BRIEF:
For the entries below, report every line that includes the word "Insulated".

===== DATASET EXCERPTS

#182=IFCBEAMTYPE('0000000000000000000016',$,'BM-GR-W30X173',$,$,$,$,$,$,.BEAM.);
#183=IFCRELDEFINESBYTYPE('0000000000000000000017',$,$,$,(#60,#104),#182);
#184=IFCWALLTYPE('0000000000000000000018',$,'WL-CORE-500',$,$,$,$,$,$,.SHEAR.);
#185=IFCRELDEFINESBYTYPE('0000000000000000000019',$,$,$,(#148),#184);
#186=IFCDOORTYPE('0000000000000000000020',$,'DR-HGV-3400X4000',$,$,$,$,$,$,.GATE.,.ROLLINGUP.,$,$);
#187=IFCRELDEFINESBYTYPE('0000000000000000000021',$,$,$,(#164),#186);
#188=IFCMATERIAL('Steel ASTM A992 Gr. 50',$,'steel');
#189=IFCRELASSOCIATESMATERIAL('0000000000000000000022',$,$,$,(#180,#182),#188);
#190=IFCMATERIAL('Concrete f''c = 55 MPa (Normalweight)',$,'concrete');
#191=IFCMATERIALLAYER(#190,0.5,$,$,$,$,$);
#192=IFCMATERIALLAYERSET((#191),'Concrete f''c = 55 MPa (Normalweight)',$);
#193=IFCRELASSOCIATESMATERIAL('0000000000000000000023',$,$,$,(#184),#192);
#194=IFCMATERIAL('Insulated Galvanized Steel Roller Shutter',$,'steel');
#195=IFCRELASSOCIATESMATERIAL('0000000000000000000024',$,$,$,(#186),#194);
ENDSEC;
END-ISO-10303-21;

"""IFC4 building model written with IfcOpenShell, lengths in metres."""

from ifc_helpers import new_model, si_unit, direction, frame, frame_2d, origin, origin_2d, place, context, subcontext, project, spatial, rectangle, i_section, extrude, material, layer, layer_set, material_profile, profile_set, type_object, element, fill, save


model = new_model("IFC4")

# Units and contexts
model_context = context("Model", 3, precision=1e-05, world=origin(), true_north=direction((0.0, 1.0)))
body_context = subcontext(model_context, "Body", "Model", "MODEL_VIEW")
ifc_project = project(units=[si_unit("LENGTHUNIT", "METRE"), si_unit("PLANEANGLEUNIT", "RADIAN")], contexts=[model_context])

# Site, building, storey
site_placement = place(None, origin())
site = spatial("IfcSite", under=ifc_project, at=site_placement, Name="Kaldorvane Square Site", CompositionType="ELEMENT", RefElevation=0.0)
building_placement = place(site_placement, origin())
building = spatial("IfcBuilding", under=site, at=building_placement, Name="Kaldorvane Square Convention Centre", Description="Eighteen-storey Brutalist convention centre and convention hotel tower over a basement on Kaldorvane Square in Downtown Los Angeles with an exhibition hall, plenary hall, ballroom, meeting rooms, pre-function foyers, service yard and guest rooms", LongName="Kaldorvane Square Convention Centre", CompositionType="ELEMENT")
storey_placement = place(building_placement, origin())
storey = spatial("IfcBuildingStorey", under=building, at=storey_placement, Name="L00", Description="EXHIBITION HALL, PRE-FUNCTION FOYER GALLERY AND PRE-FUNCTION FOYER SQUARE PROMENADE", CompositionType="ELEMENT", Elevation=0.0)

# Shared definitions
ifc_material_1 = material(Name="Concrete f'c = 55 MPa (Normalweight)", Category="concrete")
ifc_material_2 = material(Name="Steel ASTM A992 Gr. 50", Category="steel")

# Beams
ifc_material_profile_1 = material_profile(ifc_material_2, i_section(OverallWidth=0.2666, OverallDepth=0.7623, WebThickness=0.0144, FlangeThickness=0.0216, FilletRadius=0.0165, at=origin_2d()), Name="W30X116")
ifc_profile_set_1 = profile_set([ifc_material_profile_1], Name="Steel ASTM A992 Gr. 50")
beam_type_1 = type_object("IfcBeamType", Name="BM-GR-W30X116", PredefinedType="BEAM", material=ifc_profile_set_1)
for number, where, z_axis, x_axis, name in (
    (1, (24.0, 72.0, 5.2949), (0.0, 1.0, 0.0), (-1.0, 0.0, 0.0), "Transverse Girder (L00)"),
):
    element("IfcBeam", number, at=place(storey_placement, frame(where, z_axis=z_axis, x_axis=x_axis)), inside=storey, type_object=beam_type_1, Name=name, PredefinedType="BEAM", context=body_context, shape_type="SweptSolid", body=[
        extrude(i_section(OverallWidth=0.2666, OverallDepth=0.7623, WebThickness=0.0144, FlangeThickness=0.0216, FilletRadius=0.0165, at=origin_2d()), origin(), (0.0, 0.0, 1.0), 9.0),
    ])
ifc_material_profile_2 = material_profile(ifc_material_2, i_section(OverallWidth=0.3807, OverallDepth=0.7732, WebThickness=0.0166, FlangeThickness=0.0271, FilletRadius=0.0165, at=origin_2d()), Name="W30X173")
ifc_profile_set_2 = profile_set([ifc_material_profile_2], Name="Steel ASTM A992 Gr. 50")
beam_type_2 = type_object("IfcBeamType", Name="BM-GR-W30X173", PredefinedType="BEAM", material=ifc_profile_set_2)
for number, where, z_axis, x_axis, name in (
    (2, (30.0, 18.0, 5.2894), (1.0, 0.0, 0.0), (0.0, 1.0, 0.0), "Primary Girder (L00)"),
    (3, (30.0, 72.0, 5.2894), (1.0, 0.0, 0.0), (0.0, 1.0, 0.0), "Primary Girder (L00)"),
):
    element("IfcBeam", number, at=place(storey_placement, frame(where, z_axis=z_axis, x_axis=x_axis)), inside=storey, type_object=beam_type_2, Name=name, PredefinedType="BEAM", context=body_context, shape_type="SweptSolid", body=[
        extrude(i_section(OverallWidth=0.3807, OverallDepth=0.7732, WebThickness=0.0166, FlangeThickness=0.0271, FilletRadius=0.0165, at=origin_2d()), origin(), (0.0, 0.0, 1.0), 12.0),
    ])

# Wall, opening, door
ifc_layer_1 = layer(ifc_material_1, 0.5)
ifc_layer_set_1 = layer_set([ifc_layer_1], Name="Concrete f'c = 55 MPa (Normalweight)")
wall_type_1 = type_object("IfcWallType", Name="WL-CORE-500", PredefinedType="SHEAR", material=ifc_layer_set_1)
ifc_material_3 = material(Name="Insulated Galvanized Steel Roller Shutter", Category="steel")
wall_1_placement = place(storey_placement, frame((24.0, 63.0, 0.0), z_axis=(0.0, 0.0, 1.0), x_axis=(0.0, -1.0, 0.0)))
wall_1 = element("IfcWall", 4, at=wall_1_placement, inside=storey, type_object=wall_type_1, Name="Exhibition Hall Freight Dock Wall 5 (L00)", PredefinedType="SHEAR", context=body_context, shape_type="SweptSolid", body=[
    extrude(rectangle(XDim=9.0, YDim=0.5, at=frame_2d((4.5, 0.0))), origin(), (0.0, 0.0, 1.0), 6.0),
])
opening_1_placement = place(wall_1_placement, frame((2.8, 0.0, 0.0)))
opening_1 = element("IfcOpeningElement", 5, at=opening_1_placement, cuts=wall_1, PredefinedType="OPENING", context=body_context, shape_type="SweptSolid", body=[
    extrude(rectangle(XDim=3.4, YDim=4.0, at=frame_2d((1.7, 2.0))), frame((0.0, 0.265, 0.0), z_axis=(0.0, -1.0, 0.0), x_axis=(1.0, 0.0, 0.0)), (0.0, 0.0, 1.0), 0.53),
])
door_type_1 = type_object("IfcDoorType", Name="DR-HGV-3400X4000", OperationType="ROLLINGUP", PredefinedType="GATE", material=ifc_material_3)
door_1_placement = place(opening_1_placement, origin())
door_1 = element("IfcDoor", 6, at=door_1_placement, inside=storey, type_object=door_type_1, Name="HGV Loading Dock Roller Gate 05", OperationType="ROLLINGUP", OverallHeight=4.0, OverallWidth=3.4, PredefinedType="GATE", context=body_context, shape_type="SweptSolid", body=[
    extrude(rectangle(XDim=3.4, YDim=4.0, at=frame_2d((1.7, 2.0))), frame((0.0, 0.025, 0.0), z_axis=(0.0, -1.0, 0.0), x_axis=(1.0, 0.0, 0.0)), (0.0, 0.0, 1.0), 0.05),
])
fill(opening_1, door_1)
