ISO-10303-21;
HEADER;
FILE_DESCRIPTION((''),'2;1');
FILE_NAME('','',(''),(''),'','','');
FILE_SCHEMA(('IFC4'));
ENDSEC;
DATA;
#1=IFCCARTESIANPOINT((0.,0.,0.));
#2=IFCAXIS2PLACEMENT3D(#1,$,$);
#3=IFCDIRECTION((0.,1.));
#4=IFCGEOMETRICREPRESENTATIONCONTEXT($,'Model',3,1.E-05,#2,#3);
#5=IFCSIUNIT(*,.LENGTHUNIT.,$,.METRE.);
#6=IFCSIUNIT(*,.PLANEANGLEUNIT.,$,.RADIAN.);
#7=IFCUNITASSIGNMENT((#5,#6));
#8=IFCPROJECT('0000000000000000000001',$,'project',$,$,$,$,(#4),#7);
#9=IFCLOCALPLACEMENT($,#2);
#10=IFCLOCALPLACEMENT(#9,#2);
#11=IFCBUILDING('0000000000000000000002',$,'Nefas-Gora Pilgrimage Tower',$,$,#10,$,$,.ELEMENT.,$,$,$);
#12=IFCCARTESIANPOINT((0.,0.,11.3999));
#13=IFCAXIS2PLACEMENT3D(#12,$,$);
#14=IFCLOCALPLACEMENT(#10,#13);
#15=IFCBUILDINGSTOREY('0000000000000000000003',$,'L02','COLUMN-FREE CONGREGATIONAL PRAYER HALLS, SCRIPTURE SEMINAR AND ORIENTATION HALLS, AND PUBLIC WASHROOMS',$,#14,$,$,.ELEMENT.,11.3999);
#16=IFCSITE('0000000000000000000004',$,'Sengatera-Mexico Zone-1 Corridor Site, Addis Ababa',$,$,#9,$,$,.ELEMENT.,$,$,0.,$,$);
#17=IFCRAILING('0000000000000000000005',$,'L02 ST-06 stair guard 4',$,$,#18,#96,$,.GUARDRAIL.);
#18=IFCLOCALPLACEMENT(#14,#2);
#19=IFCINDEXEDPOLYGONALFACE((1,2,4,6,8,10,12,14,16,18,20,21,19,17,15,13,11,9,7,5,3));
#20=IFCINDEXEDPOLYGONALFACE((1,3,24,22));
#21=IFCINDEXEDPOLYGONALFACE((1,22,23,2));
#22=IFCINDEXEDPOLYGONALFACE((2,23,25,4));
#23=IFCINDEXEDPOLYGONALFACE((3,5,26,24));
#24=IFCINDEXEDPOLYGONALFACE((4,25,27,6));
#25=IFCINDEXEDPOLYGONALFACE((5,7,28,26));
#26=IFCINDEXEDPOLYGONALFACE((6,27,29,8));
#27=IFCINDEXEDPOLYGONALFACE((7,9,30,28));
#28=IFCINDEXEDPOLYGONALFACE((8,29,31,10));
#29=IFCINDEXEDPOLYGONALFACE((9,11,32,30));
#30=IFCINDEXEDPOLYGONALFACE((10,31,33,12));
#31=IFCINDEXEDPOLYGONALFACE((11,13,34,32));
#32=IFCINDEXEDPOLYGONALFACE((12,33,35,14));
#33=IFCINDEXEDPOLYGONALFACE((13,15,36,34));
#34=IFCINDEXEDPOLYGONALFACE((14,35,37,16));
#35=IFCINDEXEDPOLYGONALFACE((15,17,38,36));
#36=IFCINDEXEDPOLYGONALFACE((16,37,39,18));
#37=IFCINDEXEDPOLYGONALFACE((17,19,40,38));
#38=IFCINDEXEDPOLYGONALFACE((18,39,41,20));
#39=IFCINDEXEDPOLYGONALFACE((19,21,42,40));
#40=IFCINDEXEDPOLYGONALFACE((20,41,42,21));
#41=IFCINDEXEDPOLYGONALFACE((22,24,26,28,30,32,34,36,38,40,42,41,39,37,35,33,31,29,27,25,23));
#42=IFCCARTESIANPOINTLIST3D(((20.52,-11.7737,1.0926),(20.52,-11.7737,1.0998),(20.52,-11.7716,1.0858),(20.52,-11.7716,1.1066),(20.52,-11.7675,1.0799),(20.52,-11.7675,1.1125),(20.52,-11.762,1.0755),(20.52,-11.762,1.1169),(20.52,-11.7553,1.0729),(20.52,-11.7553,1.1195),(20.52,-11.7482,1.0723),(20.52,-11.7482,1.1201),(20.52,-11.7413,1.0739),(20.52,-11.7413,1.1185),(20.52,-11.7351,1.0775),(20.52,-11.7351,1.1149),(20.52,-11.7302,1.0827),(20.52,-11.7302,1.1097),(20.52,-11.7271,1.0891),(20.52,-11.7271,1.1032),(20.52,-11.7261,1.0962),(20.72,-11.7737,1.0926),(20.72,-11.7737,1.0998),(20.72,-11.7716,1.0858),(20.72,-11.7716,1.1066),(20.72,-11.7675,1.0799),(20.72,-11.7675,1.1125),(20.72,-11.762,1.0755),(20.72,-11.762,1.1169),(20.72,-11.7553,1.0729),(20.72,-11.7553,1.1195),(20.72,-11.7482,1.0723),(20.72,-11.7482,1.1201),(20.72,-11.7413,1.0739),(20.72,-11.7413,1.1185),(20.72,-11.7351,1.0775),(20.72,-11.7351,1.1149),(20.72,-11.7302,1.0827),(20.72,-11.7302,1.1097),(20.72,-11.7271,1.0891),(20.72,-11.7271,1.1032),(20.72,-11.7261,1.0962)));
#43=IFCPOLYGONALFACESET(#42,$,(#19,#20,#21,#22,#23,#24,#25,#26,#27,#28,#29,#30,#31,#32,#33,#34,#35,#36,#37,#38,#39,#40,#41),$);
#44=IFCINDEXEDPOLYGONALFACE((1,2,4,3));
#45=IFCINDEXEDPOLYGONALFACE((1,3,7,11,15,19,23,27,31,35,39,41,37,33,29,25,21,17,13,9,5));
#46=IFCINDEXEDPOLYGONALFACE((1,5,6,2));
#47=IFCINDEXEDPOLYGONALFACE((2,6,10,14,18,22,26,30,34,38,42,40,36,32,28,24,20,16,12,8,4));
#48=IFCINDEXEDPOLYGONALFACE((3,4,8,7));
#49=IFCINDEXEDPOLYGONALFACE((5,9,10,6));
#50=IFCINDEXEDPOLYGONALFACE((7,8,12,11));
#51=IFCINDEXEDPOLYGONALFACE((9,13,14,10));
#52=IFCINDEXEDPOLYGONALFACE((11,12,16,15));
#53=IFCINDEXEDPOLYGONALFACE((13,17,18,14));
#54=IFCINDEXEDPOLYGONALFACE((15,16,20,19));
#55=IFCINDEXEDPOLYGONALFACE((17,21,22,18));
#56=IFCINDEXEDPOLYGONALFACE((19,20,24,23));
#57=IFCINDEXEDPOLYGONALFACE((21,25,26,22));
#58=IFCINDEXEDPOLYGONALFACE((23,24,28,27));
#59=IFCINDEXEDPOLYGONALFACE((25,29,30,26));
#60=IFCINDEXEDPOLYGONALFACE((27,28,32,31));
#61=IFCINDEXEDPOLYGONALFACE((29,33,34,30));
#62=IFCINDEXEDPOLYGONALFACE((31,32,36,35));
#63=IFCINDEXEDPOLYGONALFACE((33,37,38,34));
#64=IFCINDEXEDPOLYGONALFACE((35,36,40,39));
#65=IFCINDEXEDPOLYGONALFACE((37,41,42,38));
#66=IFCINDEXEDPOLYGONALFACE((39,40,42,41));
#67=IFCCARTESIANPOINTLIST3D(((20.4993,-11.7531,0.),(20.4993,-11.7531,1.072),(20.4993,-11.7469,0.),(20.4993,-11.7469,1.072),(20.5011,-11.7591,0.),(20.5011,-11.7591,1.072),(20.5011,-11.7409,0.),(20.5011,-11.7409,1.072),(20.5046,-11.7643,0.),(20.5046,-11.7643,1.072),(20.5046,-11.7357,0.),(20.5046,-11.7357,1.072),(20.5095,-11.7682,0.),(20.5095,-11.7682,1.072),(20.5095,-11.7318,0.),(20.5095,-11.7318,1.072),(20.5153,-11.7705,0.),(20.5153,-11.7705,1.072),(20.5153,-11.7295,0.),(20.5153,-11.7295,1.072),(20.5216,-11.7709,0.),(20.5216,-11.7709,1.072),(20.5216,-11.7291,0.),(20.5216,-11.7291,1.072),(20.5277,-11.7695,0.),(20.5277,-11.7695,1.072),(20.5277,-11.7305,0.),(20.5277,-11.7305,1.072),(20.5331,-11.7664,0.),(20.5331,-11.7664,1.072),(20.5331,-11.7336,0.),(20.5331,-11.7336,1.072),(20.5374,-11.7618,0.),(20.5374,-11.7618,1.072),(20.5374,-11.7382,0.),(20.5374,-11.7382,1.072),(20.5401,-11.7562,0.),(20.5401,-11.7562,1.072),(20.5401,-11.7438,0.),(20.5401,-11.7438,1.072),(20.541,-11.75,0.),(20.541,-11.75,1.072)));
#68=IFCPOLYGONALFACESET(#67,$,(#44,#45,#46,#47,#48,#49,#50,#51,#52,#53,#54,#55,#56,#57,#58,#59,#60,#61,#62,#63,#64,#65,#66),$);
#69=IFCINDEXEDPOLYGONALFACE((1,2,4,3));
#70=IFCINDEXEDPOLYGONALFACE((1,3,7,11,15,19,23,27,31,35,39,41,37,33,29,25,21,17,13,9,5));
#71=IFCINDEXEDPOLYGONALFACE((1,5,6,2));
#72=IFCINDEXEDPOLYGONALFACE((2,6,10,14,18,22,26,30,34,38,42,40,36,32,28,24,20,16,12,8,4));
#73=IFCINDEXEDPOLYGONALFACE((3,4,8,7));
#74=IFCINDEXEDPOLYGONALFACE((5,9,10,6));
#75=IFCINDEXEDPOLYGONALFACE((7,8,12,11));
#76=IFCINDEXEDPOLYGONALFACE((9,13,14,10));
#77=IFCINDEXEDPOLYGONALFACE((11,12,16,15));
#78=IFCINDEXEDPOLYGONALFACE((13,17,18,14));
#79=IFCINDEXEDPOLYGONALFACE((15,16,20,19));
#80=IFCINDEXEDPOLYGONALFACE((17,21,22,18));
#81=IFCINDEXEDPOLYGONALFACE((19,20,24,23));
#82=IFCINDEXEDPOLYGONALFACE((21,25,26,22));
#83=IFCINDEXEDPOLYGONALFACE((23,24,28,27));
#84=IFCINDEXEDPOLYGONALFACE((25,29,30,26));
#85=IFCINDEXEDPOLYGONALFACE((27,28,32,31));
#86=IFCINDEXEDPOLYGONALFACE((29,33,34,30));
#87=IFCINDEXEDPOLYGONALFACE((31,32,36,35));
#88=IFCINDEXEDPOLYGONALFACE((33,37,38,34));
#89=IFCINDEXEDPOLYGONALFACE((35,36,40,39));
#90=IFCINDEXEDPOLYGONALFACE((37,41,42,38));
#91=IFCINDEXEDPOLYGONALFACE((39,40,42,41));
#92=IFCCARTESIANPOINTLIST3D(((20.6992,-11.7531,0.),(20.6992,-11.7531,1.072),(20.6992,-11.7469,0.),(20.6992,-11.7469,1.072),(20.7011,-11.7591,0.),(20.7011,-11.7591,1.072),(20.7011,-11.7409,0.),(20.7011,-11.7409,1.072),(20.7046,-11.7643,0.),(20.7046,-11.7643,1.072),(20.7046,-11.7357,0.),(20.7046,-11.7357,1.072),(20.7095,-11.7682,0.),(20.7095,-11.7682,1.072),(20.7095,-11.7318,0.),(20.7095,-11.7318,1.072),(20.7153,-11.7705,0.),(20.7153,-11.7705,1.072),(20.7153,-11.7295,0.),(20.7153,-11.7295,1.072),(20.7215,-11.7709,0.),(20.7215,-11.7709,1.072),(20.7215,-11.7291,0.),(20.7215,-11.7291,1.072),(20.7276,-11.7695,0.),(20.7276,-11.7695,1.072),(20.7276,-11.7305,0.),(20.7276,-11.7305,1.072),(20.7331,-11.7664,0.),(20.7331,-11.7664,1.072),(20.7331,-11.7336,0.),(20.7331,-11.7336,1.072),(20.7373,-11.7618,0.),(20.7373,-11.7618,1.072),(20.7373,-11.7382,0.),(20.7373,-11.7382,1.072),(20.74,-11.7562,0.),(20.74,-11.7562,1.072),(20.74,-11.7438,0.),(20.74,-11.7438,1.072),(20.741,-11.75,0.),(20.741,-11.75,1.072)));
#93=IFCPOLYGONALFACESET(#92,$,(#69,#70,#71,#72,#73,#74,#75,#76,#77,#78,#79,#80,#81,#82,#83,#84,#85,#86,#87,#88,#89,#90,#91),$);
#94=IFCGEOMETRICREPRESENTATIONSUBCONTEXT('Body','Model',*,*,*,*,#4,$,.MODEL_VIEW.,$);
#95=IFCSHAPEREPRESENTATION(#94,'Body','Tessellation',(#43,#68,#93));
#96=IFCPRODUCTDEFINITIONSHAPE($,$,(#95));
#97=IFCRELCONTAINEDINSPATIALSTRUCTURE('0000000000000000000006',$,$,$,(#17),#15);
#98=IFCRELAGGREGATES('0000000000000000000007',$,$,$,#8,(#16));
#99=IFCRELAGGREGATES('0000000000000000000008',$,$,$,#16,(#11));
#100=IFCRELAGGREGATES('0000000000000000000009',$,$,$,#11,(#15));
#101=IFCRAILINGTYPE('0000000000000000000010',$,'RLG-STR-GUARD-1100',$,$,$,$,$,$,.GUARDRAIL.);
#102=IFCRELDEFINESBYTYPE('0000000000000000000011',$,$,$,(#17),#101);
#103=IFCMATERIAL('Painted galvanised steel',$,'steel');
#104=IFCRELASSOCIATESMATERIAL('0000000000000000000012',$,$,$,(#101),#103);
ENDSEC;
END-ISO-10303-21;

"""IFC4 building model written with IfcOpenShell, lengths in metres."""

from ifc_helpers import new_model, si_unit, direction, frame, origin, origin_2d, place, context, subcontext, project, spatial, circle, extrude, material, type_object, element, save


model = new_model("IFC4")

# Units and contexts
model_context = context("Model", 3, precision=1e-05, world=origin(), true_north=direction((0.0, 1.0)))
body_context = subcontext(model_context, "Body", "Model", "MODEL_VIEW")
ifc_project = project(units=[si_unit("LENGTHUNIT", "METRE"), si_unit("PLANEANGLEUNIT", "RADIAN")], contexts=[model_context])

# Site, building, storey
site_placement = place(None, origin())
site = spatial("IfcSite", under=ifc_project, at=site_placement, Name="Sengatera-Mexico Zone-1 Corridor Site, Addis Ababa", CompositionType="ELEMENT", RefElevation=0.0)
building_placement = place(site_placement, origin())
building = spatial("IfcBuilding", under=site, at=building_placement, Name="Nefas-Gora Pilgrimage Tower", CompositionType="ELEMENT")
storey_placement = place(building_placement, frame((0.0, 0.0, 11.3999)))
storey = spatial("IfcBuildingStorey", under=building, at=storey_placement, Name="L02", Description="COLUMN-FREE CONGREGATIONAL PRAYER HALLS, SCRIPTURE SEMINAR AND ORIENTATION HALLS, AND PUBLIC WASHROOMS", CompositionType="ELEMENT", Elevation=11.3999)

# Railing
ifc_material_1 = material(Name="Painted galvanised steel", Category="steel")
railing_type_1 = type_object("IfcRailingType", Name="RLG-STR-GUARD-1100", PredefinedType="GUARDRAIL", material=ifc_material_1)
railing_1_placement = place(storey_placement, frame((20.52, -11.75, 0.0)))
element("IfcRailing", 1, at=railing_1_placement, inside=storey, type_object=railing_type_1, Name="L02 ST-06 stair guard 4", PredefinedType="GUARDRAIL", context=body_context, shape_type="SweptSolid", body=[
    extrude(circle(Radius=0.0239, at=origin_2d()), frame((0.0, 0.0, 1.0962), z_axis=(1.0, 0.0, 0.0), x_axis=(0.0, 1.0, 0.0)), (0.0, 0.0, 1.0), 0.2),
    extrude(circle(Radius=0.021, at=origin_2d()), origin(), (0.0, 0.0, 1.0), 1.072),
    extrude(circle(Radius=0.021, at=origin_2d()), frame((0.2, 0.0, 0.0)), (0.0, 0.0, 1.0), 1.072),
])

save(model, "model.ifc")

==========

ANSWER TO THE PROBLEM:
#194=IFCMATERIAL('Insulated Galvanized Steel Roller Shutter',$,'steel');
ifc_material_3 = material(Name="Insulated Galvanized Steel Roller Shutter", Category="steel")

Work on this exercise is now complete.